Please find all lines in the data that hold the string "contexts" and copy them.

The data: Begin

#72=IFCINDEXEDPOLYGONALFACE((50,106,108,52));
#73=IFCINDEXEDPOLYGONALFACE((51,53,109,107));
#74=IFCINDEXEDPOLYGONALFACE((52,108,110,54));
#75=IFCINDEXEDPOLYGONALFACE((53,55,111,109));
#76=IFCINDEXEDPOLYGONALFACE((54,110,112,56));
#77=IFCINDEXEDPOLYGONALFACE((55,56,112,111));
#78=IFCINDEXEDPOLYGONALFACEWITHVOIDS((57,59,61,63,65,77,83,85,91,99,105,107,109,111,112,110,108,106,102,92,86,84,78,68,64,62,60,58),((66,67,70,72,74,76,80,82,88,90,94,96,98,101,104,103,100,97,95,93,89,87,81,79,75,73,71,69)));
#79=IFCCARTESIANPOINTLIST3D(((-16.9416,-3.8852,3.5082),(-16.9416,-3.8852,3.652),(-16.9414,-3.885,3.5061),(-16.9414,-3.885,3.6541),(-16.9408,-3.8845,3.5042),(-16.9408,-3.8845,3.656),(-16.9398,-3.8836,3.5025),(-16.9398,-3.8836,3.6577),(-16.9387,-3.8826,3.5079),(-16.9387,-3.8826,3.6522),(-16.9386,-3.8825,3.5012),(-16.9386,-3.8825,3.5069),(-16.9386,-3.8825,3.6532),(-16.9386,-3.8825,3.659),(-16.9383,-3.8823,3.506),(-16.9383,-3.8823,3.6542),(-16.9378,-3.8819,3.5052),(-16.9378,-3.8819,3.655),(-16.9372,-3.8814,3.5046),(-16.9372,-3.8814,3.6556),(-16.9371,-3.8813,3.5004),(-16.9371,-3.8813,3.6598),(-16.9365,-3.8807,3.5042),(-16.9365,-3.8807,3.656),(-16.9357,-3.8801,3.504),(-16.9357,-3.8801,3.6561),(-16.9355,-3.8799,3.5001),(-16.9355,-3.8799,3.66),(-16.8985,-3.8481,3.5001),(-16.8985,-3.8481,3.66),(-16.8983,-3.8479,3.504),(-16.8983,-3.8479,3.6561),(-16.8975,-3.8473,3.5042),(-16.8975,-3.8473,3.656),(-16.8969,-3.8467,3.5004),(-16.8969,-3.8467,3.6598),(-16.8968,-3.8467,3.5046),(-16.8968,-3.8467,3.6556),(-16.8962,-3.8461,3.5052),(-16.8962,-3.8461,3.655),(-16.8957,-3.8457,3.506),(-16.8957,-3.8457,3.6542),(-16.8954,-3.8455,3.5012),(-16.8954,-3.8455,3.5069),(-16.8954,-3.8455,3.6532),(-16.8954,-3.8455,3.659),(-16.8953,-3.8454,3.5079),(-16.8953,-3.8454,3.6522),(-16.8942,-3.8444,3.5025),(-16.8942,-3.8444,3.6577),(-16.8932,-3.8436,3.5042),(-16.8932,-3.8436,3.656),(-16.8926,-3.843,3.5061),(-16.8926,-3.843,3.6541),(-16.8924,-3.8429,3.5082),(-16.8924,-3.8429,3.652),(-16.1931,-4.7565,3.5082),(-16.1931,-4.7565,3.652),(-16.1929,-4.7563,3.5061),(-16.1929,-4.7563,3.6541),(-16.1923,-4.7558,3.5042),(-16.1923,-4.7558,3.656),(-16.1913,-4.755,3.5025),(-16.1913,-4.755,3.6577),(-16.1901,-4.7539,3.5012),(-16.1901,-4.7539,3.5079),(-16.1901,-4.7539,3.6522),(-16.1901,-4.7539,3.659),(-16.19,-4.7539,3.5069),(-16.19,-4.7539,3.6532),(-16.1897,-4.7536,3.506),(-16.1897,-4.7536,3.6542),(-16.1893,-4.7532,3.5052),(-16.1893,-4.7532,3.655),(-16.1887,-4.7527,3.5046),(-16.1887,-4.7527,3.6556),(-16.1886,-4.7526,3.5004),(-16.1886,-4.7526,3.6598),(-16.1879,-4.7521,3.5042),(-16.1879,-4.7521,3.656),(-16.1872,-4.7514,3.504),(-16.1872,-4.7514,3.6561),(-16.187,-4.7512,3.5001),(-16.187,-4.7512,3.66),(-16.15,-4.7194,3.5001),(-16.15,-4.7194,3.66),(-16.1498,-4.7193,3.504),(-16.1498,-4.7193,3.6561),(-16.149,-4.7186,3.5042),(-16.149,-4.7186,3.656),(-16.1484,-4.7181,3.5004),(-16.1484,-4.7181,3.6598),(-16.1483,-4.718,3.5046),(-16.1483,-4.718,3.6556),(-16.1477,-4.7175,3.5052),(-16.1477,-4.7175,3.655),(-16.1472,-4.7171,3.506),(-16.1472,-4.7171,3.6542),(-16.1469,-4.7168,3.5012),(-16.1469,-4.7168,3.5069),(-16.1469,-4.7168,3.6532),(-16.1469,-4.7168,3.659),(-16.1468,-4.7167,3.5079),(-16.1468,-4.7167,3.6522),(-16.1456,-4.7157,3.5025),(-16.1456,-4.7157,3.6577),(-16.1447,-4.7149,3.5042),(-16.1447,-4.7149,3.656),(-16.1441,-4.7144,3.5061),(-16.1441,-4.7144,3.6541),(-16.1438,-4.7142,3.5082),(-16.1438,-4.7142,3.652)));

The data: End
The data: Begin

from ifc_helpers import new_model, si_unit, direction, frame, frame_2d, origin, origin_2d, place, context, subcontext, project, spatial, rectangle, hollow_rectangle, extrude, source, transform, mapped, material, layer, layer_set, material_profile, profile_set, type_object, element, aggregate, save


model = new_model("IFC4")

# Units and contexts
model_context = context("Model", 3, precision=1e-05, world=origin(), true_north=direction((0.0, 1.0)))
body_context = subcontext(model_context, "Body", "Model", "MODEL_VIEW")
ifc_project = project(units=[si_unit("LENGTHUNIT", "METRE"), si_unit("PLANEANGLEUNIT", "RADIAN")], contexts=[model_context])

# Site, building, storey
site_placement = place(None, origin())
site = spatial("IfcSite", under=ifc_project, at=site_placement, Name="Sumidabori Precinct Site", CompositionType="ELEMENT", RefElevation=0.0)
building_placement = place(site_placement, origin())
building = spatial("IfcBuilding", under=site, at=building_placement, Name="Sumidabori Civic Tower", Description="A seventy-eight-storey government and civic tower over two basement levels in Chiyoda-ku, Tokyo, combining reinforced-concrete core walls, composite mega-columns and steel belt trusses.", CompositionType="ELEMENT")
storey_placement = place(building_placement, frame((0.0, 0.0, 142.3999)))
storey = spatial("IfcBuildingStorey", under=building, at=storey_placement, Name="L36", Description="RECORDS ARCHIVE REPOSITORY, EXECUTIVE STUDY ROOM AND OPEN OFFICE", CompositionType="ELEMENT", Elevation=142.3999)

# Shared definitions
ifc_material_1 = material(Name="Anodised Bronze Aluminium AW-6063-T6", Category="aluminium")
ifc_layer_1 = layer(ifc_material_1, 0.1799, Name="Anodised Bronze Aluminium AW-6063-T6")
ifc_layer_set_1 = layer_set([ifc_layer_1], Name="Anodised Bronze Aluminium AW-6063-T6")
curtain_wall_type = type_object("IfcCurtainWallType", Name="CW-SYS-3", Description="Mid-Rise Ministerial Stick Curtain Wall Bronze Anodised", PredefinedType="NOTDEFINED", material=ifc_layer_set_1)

The data: End
The data: Begin

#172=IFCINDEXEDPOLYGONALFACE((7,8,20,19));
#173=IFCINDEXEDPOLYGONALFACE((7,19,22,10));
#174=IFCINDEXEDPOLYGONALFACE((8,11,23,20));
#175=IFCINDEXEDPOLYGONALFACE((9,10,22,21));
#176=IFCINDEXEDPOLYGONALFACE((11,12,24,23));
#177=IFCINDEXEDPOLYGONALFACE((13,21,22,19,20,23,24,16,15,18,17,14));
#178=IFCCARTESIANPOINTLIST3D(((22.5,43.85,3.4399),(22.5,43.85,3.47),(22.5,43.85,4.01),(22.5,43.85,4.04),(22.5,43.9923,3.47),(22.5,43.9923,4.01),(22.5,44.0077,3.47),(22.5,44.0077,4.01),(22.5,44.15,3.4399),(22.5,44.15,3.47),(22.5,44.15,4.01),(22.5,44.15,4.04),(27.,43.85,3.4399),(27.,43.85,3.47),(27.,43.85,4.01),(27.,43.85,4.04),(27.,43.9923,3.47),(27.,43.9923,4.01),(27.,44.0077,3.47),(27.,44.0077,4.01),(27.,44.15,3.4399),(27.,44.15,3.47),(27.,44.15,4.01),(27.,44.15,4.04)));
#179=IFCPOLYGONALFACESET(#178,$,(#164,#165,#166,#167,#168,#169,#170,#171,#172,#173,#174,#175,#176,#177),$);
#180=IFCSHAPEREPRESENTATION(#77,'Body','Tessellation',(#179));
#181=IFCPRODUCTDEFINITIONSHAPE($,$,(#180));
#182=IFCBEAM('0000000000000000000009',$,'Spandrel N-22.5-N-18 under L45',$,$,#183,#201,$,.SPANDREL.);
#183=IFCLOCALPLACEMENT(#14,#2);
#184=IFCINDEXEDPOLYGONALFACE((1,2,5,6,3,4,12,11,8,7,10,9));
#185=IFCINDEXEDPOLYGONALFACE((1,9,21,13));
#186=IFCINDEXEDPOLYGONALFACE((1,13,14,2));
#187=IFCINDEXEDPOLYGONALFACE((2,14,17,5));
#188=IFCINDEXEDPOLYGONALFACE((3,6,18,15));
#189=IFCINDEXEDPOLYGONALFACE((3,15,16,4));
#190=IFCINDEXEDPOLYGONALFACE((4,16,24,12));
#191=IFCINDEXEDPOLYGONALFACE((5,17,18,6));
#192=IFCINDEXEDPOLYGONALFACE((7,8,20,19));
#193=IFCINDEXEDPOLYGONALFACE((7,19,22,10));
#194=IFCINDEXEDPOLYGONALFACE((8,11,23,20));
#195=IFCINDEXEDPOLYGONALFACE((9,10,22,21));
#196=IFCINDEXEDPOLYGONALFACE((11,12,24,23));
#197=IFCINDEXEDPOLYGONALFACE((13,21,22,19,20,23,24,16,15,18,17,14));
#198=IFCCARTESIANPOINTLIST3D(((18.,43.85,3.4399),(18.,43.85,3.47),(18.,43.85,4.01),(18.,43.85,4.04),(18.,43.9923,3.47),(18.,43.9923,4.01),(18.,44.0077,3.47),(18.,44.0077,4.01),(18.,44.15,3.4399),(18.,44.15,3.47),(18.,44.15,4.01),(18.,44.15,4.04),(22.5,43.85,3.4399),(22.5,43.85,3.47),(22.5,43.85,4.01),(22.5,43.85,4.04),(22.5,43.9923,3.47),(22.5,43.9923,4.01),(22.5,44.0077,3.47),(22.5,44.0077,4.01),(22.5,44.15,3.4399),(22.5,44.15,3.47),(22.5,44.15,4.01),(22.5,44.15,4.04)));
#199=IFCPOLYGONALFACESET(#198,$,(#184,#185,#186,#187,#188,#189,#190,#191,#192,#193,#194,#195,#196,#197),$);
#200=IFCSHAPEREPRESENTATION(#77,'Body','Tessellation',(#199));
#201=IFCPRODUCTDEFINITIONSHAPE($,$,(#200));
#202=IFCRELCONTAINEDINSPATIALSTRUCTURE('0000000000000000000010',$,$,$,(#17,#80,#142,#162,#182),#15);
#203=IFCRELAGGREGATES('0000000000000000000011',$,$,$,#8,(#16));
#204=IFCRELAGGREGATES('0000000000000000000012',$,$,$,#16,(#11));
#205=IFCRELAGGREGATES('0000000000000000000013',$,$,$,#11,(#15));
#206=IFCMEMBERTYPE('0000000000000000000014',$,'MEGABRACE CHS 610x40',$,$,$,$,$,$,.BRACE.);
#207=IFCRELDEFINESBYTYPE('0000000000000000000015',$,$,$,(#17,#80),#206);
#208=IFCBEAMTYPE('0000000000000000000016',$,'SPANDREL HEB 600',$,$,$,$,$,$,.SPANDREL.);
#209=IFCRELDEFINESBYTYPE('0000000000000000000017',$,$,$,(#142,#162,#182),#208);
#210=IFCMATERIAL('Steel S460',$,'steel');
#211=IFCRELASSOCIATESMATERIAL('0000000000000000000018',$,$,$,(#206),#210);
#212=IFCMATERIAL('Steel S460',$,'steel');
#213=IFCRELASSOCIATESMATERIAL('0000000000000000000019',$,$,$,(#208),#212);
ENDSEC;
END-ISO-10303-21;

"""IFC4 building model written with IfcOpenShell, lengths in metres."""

The data: End

→ Response area
# Units and contexts
ifc_project = project(units=[si_unit("LENGTHUNIT", "METRE"), si_unit("PLANEANGLEUNIT", "RADIAN")], contexts=[model_context])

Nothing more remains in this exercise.